──────── The data ────────

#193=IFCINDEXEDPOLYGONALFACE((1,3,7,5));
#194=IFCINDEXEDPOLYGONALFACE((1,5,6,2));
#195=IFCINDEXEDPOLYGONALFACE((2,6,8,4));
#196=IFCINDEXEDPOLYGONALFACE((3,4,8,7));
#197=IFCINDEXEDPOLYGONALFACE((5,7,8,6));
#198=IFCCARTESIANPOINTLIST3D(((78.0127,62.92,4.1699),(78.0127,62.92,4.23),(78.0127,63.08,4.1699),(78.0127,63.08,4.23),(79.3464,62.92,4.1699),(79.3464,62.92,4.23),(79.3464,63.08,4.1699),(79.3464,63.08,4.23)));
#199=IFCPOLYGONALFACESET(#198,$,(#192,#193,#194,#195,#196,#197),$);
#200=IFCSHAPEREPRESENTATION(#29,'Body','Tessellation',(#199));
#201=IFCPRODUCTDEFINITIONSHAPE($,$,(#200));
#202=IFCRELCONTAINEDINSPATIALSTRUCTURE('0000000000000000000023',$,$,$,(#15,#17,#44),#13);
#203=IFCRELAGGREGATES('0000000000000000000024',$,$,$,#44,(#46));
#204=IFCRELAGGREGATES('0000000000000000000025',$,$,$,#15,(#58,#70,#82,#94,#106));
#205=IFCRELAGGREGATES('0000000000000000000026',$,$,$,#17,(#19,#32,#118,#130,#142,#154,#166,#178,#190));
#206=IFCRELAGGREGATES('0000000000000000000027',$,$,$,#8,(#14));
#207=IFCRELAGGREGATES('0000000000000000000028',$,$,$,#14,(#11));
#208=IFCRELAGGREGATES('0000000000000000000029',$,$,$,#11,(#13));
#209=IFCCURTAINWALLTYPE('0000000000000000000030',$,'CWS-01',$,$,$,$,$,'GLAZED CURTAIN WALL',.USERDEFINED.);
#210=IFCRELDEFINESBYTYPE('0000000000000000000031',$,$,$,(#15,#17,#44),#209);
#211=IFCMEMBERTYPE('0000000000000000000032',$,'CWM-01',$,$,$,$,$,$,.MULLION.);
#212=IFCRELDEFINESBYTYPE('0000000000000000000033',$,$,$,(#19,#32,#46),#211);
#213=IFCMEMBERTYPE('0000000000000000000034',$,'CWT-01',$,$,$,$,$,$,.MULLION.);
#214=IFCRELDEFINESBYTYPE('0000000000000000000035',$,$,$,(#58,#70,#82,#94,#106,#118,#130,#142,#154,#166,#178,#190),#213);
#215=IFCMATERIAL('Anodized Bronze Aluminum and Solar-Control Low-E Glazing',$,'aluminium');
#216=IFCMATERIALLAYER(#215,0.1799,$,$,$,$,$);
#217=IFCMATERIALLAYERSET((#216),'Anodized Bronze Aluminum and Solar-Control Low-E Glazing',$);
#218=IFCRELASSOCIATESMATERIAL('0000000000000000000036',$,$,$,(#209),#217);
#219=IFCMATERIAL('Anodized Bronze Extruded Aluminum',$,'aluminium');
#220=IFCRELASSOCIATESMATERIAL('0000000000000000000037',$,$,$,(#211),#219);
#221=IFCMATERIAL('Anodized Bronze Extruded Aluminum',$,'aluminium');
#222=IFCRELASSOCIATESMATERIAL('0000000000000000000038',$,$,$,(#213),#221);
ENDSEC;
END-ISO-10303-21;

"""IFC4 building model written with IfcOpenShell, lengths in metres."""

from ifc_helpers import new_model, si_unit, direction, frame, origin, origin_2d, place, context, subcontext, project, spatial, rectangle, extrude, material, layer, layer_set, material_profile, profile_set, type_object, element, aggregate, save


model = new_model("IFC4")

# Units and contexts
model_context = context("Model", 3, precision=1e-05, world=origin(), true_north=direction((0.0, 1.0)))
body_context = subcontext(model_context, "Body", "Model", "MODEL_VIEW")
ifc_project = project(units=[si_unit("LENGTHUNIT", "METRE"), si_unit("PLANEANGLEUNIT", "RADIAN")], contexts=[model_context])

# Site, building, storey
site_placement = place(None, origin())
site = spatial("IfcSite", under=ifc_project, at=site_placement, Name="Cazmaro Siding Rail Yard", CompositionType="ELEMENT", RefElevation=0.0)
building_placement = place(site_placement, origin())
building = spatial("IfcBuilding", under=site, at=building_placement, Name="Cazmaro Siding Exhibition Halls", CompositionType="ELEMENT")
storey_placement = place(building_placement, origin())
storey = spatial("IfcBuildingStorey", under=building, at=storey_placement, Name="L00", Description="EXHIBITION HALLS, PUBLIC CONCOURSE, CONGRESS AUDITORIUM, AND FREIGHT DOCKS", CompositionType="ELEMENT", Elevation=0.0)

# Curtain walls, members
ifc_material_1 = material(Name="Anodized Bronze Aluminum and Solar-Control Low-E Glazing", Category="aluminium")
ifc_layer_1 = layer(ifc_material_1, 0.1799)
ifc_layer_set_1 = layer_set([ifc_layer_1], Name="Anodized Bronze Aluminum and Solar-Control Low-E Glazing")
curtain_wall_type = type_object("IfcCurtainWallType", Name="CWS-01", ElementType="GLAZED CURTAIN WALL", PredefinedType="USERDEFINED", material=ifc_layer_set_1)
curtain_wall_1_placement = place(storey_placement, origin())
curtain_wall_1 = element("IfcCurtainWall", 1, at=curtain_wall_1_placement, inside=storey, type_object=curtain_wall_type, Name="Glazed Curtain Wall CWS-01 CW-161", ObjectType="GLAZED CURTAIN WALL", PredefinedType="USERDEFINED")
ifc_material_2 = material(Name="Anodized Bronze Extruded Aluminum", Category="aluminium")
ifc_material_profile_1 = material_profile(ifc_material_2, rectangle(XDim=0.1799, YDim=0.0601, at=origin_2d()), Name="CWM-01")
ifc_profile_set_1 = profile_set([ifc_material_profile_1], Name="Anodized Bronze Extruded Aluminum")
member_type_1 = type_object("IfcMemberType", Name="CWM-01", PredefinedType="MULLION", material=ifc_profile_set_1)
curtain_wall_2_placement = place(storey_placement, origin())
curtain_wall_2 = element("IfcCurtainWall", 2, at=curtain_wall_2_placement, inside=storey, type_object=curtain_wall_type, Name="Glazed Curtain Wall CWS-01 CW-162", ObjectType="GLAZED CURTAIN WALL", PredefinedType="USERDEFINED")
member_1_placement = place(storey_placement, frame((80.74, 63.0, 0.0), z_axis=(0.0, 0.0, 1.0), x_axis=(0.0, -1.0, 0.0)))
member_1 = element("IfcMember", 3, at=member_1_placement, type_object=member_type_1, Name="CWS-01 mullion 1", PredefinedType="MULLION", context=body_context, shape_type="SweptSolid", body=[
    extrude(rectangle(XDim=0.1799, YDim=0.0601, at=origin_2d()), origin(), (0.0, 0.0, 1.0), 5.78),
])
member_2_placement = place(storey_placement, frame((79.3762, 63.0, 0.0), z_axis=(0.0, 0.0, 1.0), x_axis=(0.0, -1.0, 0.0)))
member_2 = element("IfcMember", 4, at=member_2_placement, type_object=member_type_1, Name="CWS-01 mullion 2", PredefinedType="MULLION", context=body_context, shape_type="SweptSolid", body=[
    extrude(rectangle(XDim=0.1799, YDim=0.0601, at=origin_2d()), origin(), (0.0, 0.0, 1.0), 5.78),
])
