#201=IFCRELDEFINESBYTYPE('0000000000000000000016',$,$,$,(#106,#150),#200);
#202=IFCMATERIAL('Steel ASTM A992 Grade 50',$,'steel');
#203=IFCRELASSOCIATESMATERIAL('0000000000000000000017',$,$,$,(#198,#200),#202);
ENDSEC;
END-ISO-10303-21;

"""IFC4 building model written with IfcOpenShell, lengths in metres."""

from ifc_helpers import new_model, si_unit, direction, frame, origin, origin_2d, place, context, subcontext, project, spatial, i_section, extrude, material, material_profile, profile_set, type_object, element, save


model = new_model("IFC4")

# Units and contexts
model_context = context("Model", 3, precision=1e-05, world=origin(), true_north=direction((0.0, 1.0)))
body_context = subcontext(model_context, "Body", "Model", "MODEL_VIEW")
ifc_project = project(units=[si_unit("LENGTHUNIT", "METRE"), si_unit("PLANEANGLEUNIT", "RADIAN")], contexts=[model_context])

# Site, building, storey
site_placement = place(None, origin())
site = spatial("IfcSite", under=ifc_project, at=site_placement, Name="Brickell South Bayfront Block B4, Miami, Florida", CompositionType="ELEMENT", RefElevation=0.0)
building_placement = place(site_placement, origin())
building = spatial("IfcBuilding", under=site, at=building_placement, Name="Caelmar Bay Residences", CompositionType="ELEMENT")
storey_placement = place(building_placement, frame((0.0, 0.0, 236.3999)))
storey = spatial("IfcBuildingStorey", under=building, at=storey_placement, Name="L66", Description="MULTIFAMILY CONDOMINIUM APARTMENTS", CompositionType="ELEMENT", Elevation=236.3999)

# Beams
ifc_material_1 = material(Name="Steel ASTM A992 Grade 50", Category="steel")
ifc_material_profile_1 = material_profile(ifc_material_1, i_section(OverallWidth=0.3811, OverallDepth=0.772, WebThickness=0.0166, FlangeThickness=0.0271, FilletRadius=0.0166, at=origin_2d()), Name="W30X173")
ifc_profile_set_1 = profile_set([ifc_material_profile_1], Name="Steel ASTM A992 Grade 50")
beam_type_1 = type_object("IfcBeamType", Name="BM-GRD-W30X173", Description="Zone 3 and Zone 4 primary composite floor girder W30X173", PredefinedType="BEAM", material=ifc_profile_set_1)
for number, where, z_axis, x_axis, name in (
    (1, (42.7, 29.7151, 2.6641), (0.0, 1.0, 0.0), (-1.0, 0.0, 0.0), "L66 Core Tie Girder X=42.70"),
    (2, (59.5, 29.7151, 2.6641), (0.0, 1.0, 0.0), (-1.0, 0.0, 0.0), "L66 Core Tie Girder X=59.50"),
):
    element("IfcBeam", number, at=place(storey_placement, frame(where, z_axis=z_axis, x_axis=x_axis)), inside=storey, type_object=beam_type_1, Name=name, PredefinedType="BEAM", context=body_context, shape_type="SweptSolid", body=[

────────

▸ Task requirements
Extract every line above that contains the word "Grade".

▸ Answer space
#202=IFCMATERIAL('Steel ASTM A992 Grade 50',$,'steel');
ifc_material_1 = material(Name="Steel ASTM A992 Grade 50", Category="steel")
ifc_profile_set_1 = profile_set([ifc_material_profile_1], Name="Steel ASTM A992 Grade 50")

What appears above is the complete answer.